**Aim of the task**
The listing below holds a line with "#133=IFCINDEXEDPOLYGONALFACE((101,105,106,102));" and a later line with "#137=IFCINDEXEDPOLYGONALFACE((109,111,112,110));". Write out those two lines and every line between them, exactly, and nothing else.

Start of Exercise data

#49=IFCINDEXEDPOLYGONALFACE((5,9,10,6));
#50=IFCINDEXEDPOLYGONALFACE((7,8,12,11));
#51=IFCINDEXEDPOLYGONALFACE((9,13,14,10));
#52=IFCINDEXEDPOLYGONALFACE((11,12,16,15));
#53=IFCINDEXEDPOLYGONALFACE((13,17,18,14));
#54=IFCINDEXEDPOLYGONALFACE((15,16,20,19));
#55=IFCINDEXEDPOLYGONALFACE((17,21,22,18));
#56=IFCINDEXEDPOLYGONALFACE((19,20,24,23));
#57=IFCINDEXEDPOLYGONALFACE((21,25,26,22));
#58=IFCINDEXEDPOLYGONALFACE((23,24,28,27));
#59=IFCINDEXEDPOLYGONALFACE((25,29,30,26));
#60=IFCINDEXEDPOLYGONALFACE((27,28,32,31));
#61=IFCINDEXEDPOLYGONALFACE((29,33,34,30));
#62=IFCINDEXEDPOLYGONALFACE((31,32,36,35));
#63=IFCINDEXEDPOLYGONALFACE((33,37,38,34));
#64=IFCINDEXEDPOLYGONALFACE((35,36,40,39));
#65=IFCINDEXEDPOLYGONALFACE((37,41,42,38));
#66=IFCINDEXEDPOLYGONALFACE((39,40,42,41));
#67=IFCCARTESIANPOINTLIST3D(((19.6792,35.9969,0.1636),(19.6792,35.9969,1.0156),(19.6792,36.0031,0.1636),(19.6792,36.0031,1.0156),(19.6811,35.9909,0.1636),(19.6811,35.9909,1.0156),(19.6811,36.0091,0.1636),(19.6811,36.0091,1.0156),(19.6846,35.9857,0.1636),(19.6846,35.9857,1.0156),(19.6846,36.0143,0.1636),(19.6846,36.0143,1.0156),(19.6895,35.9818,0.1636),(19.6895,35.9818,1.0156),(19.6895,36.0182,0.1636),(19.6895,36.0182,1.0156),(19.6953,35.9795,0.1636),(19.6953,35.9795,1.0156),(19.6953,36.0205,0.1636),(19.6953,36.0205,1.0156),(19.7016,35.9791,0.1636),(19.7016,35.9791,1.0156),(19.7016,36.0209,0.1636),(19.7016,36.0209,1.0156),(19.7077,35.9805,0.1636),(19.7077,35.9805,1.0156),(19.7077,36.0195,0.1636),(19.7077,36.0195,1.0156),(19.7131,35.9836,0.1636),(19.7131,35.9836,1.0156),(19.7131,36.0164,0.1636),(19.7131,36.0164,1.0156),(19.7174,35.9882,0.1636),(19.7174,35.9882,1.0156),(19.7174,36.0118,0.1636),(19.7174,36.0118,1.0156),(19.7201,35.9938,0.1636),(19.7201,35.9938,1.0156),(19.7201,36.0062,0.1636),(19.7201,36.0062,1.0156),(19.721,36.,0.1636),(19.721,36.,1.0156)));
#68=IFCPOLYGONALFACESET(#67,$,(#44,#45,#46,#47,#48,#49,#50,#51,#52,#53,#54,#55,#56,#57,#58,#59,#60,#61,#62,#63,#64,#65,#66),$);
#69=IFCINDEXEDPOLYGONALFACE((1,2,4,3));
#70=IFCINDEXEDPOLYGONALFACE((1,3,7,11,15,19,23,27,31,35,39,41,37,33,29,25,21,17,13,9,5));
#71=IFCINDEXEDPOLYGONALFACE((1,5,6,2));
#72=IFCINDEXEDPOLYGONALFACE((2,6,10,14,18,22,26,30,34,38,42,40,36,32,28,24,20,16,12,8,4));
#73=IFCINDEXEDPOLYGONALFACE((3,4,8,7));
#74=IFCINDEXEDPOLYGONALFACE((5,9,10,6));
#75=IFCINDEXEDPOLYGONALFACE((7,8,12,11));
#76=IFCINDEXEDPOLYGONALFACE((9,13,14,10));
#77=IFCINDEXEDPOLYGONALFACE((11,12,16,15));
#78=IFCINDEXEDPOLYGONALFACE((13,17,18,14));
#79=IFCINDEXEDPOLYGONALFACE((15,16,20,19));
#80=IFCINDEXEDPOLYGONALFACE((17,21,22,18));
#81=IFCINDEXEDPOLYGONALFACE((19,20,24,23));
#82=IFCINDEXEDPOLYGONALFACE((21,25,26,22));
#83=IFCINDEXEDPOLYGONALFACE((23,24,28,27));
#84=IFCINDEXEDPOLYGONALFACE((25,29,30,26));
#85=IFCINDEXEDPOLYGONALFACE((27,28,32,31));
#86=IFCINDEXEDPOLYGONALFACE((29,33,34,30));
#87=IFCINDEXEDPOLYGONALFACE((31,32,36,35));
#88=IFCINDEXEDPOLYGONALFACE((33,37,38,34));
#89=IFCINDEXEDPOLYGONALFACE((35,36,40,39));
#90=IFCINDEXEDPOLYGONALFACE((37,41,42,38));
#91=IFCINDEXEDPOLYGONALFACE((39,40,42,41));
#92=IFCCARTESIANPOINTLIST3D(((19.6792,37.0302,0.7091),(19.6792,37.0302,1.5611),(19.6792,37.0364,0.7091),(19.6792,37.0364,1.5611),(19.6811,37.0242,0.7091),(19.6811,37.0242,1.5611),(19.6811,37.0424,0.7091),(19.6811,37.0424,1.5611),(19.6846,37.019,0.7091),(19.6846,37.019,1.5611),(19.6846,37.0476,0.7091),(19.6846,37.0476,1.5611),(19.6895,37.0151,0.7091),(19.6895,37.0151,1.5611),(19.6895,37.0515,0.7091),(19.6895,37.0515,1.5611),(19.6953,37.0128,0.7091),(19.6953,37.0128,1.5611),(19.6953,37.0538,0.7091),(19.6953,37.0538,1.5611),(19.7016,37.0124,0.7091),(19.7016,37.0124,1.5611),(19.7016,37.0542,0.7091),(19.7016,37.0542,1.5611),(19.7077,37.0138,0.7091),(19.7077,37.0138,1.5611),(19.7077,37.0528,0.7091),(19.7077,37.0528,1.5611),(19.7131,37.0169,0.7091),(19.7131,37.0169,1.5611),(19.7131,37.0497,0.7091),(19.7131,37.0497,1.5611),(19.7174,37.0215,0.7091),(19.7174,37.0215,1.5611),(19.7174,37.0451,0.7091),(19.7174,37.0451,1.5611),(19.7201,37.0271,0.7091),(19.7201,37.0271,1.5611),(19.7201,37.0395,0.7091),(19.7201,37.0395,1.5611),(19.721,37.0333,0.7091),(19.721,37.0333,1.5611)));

End of Exercise data
Start of Exercise data

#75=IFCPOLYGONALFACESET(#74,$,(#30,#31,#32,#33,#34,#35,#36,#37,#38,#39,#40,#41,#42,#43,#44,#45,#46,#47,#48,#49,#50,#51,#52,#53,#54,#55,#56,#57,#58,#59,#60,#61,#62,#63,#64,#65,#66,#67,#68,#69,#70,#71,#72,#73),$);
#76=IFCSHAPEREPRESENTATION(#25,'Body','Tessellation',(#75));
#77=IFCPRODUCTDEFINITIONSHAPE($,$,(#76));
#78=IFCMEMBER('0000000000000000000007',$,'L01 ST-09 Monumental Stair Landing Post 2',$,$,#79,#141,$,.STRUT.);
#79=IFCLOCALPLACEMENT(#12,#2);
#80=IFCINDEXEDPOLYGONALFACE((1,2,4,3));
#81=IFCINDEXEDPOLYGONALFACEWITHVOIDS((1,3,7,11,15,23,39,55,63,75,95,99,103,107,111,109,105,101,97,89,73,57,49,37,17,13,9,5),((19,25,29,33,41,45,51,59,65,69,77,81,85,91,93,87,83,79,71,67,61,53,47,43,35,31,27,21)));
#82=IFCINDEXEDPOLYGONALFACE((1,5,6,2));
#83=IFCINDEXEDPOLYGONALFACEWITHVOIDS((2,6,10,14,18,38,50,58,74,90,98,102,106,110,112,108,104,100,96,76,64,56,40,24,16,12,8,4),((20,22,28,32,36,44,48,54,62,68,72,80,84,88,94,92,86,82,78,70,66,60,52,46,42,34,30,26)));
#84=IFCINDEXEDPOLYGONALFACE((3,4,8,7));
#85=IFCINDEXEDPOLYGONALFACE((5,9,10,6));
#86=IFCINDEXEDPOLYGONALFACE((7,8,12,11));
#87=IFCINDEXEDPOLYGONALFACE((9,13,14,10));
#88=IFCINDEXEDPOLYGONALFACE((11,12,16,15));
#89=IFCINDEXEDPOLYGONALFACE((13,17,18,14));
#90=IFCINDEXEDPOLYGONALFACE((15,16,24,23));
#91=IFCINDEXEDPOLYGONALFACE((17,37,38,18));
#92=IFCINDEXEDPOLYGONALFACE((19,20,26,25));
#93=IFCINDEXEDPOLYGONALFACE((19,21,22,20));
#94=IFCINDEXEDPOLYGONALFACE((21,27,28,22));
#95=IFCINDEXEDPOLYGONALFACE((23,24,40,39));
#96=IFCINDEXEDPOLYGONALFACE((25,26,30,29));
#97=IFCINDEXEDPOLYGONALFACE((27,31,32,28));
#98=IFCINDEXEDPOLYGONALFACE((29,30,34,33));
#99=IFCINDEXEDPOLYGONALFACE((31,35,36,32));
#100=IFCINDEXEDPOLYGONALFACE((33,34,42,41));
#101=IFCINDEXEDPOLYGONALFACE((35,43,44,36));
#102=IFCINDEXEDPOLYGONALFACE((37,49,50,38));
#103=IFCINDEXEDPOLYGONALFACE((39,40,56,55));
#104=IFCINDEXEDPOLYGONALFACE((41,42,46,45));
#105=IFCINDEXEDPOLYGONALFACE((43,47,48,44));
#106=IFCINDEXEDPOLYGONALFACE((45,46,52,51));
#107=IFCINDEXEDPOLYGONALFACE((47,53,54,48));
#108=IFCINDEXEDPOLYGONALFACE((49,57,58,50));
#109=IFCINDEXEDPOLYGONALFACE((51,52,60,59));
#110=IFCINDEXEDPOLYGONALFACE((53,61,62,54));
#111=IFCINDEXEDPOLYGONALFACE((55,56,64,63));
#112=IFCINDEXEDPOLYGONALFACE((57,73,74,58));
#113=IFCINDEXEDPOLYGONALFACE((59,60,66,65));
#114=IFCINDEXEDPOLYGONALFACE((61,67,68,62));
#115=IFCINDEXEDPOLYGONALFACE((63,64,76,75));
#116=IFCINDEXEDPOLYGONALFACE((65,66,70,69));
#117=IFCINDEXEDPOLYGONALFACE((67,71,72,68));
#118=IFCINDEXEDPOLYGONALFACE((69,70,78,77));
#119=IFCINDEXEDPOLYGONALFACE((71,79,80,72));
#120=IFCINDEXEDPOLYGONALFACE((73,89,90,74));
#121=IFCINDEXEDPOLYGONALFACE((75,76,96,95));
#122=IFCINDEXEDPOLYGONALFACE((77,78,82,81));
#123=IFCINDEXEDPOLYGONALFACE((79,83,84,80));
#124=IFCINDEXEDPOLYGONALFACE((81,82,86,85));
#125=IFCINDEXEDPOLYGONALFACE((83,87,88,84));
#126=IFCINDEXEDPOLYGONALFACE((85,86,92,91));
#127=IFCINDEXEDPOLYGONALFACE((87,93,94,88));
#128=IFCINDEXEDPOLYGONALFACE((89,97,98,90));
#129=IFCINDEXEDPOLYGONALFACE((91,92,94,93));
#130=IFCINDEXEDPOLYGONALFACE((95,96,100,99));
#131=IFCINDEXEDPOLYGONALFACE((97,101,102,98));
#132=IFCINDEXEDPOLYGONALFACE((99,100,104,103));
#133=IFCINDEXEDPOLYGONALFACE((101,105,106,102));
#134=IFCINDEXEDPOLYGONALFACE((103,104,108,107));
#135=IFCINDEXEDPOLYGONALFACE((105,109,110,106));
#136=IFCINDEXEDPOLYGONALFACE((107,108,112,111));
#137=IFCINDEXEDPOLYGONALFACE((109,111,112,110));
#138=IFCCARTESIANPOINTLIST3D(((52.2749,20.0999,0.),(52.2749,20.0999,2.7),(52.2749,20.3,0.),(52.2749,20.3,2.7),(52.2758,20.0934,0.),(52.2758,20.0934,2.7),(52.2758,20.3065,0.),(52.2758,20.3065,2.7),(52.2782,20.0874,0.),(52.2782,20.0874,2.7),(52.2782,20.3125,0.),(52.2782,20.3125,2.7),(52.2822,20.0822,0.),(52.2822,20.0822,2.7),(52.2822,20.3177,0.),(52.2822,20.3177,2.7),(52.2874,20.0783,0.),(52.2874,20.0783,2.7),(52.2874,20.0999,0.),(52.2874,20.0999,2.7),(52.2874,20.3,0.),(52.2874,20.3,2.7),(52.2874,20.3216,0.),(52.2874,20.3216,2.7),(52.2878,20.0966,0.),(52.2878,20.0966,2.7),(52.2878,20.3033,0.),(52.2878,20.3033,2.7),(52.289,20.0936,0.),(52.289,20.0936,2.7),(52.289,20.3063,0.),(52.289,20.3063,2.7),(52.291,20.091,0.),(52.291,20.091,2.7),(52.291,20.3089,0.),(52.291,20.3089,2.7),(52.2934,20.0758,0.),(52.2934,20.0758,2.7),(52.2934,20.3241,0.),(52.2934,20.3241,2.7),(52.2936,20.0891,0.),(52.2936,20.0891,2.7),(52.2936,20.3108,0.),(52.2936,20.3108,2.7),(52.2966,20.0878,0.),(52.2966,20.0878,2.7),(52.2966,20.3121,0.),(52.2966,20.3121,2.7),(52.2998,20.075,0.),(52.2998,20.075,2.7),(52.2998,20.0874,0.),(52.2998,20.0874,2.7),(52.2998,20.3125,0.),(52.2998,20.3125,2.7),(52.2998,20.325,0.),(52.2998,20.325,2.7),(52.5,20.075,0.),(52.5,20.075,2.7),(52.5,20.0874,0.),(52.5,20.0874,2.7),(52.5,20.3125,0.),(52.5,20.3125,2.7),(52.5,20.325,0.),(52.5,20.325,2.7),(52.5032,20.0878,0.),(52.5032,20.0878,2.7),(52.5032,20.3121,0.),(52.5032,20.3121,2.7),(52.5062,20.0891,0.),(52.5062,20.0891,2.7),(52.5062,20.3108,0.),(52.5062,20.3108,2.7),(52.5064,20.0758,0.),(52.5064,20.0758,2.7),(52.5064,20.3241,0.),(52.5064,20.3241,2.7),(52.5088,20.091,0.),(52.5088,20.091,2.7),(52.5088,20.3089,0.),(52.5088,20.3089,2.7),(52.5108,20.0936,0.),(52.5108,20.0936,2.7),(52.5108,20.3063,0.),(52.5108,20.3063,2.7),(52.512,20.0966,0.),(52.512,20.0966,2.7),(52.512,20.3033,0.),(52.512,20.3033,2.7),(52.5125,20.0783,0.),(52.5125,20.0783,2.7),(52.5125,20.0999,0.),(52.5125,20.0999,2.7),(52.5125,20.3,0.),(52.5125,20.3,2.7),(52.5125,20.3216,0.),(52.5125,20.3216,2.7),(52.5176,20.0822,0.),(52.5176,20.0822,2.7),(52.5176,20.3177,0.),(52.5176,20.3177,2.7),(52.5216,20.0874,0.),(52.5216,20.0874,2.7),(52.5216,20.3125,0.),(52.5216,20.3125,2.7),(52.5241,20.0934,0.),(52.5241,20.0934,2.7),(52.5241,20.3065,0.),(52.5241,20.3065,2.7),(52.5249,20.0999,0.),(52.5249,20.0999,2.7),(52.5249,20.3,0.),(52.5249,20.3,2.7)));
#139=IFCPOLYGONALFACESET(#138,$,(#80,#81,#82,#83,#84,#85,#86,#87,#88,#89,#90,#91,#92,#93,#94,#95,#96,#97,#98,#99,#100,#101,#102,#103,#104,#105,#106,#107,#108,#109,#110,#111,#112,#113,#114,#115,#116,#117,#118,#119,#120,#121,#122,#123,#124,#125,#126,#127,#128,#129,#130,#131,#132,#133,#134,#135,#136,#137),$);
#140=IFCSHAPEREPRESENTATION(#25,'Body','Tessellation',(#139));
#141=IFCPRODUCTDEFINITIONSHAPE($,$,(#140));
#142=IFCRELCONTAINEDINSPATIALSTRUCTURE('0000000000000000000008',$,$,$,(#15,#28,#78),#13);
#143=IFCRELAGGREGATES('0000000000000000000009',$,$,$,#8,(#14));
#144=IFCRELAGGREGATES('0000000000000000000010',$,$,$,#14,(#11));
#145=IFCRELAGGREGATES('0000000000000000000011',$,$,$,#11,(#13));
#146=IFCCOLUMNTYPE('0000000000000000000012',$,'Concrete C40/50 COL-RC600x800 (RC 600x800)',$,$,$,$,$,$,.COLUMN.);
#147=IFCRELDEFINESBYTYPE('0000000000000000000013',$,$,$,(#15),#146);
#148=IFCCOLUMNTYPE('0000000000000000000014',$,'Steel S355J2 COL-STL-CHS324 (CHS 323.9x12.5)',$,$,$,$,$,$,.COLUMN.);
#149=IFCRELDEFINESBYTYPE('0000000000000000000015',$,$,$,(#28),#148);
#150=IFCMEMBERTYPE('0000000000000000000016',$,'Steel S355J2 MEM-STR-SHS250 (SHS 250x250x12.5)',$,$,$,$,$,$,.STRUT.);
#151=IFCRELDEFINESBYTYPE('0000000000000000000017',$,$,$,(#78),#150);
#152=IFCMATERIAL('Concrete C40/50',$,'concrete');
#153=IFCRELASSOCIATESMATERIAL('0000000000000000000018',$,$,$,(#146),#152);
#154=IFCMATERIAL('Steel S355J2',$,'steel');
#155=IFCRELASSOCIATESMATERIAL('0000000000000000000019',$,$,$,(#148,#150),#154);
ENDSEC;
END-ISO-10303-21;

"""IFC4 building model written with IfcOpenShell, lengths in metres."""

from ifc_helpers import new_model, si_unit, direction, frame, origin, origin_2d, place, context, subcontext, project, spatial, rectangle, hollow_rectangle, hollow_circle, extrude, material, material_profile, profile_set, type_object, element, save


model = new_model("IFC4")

End of Exercise data
Start of Exercise data

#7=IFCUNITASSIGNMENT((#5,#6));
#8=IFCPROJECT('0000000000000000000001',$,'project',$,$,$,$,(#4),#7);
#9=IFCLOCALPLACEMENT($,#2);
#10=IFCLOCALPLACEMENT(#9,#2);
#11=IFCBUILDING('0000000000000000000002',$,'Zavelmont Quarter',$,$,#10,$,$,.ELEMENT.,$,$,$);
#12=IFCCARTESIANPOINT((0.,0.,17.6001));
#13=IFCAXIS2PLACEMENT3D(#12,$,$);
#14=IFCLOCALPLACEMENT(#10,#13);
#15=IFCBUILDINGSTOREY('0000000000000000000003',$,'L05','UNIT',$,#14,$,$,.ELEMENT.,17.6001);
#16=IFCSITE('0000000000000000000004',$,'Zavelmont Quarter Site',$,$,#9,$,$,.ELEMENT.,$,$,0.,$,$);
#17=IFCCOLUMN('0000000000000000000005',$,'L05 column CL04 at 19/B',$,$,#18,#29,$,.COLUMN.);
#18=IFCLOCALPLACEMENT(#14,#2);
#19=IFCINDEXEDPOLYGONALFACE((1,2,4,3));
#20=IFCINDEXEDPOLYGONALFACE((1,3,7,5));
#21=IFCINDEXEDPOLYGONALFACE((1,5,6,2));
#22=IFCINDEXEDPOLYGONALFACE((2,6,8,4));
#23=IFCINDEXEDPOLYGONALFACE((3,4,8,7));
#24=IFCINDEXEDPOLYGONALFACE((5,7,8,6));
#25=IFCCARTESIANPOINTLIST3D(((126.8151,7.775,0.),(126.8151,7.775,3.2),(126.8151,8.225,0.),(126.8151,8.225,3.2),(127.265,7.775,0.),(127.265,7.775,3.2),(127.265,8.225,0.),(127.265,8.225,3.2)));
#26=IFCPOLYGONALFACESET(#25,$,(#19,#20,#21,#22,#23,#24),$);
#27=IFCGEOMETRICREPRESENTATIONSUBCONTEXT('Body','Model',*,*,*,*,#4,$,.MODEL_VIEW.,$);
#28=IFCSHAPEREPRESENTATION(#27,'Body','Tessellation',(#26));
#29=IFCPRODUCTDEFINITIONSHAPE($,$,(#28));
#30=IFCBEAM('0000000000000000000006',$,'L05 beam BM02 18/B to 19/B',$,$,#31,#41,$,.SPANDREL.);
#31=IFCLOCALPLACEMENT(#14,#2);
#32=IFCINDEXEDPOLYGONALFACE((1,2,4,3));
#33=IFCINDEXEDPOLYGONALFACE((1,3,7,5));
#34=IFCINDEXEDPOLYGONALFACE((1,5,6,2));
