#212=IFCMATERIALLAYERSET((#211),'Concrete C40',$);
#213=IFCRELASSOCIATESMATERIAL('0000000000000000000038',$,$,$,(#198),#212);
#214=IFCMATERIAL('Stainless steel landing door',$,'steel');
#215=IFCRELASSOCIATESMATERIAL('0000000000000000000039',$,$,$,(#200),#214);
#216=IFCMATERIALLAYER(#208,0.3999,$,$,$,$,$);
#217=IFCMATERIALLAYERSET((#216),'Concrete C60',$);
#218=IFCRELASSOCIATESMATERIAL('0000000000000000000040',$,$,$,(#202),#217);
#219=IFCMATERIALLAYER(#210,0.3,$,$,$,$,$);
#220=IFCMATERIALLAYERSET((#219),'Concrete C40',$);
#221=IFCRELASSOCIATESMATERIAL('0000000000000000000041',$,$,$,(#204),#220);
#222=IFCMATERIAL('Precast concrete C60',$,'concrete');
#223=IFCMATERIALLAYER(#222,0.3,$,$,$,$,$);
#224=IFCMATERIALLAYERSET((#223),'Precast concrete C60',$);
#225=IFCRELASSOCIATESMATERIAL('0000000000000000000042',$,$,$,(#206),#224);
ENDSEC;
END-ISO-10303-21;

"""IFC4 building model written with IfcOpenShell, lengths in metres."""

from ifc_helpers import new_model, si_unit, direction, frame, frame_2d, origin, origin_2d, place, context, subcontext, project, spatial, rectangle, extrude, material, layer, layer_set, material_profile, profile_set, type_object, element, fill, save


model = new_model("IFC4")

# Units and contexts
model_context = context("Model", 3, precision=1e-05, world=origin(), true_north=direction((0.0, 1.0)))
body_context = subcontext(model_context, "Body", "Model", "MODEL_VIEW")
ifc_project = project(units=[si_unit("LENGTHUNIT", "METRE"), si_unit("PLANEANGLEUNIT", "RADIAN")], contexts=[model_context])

End of Exercise data

**Exercise answer**
#133=IFCINDEXEDPOLYGONALFACE((101,105,106,102));
#134=IFCINDEXEDPOLYGONALFACE((103,104,108,107));
#135=IFCINDEXEDPOLYGONALFACE((105,109,110,106));
#136=IFCINDEXEDPOLYGONALFACE((107,108,112,111));
#137=IFCINDEXEDPOLYGONALFACE((109,111,112,110));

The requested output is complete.